* Exercise input
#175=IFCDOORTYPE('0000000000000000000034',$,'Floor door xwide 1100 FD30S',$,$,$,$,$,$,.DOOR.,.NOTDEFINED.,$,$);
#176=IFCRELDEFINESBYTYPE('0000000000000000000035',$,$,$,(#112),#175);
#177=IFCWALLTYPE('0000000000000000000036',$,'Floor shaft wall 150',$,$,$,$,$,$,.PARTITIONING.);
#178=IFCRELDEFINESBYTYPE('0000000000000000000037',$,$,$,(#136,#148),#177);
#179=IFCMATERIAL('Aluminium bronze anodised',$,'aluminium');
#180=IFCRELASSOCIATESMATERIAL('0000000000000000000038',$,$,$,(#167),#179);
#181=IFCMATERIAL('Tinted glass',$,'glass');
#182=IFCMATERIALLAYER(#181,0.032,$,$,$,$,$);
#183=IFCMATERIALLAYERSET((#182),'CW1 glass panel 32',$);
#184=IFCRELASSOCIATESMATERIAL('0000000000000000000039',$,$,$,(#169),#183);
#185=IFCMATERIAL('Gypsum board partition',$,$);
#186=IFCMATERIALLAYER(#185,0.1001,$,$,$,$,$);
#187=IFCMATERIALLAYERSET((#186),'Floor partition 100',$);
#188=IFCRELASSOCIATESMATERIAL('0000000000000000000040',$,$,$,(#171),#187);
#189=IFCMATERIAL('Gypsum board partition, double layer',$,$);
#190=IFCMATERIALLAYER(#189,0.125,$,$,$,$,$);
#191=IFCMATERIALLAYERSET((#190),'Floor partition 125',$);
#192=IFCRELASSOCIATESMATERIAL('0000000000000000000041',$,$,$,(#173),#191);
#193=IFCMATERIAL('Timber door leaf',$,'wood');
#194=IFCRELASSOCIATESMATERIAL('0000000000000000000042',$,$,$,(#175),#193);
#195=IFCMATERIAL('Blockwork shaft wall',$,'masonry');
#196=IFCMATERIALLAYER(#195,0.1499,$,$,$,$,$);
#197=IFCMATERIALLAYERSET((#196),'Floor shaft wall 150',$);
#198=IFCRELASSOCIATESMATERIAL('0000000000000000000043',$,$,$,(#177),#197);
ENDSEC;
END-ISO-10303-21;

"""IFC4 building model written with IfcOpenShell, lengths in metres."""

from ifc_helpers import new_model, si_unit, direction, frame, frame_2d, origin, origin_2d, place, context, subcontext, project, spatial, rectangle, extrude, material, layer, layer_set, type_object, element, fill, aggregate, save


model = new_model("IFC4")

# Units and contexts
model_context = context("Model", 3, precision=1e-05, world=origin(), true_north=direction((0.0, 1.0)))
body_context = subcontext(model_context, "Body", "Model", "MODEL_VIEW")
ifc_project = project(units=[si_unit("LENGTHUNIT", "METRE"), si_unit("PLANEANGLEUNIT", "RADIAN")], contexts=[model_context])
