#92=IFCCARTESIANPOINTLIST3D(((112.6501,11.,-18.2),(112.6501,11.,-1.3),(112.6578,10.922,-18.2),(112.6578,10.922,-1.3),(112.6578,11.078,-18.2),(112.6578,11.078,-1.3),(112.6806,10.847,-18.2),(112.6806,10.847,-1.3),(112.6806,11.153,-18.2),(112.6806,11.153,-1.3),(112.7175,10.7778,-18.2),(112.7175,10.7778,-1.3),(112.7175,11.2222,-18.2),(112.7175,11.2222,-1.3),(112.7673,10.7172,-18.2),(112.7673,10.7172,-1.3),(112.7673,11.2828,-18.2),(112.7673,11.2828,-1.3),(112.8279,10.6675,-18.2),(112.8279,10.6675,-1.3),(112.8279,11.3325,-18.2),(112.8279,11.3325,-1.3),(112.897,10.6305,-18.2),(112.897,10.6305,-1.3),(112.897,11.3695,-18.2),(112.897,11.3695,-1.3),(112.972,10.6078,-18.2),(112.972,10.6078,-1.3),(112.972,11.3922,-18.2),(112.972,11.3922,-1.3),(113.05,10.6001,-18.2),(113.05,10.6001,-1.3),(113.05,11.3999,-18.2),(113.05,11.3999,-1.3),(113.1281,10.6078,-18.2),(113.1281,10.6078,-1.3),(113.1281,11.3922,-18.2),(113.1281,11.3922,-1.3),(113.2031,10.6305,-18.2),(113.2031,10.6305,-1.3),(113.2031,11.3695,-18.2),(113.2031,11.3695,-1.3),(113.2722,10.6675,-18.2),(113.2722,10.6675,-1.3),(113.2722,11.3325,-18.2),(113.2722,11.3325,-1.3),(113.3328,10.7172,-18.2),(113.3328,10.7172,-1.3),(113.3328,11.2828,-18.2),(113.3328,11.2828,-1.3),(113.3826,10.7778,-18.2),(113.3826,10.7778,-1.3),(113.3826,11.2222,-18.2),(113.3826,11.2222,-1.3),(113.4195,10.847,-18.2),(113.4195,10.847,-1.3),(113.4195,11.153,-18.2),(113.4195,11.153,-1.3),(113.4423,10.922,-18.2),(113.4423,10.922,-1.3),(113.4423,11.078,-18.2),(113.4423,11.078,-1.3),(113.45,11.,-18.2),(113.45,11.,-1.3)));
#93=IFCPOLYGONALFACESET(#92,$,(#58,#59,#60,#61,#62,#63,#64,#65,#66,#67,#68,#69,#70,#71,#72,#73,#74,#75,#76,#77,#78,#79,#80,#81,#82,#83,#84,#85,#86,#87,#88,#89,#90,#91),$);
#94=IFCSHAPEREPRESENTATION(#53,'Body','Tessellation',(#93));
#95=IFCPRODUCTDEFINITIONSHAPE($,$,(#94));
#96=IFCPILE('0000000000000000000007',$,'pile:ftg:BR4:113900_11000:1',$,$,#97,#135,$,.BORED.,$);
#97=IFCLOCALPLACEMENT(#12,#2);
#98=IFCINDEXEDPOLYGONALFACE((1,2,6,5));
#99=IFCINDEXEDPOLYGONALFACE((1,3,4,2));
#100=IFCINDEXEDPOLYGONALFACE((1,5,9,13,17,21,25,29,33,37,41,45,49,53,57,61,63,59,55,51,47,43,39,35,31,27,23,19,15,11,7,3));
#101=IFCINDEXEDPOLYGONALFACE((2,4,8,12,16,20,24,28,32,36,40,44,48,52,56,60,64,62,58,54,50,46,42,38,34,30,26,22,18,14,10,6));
--
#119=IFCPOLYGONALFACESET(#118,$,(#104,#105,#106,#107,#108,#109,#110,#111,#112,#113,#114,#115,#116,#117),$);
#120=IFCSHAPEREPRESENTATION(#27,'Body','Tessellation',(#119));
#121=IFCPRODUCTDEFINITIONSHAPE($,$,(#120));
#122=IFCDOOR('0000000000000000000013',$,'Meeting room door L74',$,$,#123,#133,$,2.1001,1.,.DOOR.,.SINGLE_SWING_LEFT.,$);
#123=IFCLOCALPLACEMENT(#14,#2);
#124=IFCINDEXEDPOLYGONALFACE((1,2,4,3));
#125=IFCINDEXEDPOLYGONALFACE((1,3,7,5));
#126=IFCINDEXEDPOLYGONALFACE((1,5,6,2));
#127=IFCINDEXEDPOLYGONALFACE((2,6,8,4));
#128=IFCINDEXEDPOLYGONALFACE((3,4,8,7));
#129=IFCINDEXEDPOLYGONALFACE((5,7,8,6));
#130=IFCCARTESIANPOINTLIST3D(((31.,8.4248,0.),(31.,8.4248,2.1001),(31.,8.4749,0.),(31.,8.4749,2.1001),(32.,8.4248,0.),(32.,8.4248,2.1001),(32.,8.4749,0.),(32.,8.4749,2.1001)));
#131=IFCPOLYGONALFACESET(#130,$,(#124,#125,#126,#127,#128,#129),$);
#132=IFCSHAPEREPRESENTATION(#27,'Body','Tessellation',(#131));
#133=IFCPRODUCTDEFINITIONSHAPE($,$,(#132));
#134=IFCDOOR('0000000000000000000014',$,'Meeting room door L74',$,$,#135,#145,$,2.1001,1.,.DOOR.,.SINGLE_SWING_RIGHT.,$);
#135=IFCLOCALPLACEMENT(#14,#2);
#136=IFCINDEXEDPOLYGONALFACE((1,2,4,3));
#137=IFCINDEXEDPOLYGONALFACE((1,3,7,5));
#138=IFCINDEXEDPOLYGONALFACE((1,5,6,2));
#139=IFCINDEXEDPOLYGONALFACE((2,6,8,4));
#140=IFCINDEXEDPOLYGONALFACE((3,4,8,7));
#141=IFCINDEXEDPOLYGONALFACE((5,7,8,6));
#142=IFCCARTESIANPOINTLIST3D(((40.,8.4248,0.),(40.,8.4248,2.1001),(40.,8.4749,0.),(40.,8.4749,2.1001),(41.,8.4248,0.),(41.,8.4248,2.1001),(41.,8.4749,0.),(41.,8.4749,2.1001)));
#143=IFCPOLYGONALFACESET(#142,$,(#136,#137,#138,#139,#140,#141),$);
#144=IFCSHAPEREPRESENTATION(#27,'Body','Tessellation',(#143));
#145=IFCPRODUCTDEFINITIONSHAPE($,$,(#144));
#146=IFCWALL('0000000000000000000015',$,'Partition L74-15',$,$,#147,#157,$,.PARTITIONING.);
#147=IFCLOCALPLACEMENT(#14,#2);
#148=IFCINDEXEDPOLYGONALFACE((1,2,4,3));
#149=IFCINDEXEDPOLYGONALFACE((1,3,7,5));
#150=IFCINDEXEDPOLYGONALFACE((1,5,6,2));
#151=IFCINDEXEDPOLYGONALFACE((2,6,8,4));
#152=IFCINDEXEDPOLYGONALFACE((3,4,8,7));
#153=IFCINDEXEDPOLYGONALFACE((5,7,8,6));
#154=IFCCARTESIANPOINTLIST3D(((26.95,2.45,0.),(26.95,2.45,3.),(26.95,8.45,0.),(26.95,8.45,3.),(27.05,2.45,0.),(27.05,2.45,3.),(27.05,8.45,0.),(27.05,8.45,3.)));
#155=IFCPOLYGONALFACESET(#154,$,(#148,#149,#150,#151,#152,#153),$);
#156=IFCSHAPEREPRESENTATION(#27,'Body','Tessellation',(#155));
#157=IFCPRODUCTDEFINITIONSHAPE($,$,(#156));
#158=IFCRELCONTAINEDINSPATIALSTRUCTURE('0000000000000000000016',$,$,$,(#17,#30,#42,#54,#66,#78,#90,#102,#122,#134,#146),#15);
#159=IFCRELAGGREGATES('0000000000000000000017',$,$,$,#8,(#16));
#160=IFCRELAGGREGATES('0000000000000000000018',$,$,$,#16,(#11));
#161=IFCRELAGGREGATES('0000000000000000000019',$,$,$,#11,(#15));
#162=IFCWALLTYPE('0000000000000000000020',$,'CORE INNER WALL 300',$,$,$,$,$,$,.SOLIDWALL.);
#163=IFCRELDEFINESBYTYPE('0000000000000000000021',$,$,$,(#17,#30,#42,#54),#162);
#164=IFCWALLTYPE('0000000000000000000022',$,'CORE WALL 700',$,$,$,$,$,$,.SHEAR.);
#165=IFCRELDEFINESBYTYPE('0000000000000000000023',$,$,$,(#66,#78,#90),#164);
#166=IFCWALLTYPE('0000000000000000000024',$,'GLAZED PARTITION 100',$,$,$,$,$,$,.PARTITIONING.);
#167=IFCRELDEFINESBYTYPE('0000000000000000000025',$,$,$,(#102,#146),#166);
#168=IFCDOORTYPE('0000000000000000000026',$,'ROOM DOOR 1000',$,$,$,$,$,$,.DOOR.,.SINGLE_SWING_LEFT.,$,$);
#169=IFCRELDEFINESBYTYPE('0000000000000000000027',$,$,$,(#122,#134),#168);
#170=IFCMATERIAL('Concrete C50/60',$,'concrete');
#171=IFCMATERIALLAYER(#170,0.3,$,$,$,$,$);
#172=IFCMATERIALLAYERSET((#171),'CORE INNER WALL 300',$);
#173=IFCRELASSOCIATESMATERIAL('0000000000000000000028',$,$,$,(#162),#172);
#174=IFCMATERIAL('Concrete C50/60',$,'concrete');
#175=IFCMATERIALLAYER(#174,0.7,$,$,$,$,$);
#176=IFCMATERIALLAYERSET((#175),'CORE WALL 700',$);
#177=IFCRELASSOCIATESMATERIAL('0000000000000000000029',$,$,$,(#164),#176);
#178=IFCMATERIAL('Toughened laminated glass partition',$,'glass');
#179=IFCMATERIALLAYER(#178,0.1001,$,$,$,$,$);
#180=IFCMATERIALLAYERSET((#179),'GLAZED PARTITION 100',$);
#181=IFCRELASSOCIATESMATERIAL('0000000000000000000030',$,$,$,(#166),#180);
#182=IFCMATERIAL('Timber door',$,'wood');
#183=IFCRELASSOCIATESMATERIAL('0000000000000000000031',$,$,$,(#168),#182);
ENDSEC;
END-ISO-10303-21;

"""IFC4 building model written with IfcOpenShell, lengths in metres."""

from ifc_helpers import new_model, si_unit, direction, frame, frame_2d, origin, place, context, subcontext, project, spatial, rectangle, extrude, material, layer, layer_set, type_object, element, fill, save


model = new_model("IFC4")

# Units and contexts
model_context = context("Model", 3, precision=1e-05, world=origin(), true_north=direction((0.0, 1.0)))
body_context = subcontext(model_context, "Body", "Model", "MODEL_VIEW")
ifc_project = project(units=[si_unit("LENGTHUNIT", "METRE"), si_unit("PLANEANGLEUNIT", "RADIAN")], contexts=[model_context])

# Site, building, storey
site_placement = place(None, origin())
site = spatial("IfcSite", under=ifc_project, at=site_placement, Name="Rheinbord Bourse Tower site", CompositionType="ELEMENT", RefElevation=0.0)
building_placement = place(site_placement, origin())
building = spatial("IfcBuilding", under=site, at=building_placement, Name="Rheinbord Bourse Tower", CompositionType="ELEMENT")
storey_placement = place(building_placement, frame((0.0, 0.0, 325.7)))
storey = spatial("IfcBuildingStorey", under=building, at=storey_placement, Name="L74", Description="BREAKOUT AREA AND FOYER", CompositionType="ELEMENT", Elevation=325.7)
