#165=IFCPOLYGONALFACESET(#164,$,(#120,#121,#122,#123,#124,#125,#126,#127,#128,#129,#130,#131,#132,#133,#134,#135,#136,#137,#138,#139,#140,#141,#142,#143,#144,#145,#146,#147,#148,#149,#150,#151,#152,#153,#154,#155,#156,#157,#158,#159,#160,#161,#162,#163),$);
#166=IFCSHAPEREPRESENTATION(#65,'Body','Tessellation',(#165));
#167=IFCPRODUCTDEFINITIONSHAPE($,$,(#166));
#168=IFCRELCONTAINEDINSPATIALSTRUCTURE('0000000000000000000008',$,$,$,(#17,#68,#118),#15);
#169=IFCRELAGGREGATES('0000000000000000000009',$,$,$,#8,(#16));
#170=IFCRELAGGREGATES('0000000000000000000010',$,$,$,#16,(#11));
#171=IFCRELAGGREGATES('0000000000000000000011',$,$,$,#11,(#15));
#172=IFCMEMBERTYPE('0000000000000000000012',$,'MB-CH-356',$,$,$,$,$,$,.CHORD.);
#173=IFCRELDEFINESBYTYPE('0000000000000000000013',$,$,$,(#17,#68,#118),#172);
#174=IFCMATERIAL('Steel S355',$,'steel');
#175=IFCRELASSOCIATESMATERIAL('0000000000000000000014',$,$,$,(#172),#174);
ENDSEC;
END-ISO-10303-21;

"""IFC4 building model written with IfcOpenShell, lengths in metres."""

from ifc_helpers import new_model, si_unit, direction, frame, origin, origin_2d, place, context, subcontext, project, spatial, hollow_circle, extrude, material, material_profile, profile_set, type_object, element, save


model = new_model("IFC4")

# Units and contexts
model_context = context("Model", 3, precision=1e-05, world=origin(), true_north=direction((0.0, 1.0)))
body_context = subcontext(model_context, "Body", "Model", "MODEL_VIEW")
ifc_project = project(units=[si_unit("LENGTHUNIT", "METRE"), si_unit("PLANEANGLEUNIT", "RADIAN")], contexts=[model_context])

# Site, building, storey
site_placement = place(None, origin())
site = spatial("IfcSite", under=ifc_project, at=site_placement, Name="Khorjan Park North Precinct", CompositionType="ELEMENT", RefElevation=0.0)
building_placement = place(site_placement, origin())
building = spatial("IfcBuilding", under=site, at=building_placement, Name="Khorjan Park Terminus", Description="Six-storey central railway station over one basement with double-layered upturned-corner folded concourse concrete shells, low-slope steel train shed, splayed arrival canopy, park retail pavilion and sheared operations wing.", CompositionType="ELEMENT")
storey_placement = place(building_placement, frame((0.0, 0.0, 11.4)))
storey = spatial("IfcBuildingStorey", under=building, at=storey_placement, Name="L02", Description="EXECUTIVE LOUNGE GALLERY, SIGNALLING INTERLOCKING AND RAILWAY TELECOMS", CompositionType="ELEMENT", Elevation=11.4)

* Aim of the exercise
Using only the entries above, output the line with "frame((0.0, 0.0, 11.4)))", the line with "LOUNGE GALLERY, SIGNALLING", and all lines between them, exactly as they stand.

* Solution to this exercise
storey_placement = place(building_placement, frame((0.0, 0.0, 11.4)))
storey = spatial("IfcBuildingStorey", under=building, at=storey_placement, Name="L02", Description="EXECUTIVE LOUNGE GALLERY, SIGNALLING INTERLOCKING AND RAILWAY TELECOMS", CompositionType="ELEMENT", Elevation=11.4)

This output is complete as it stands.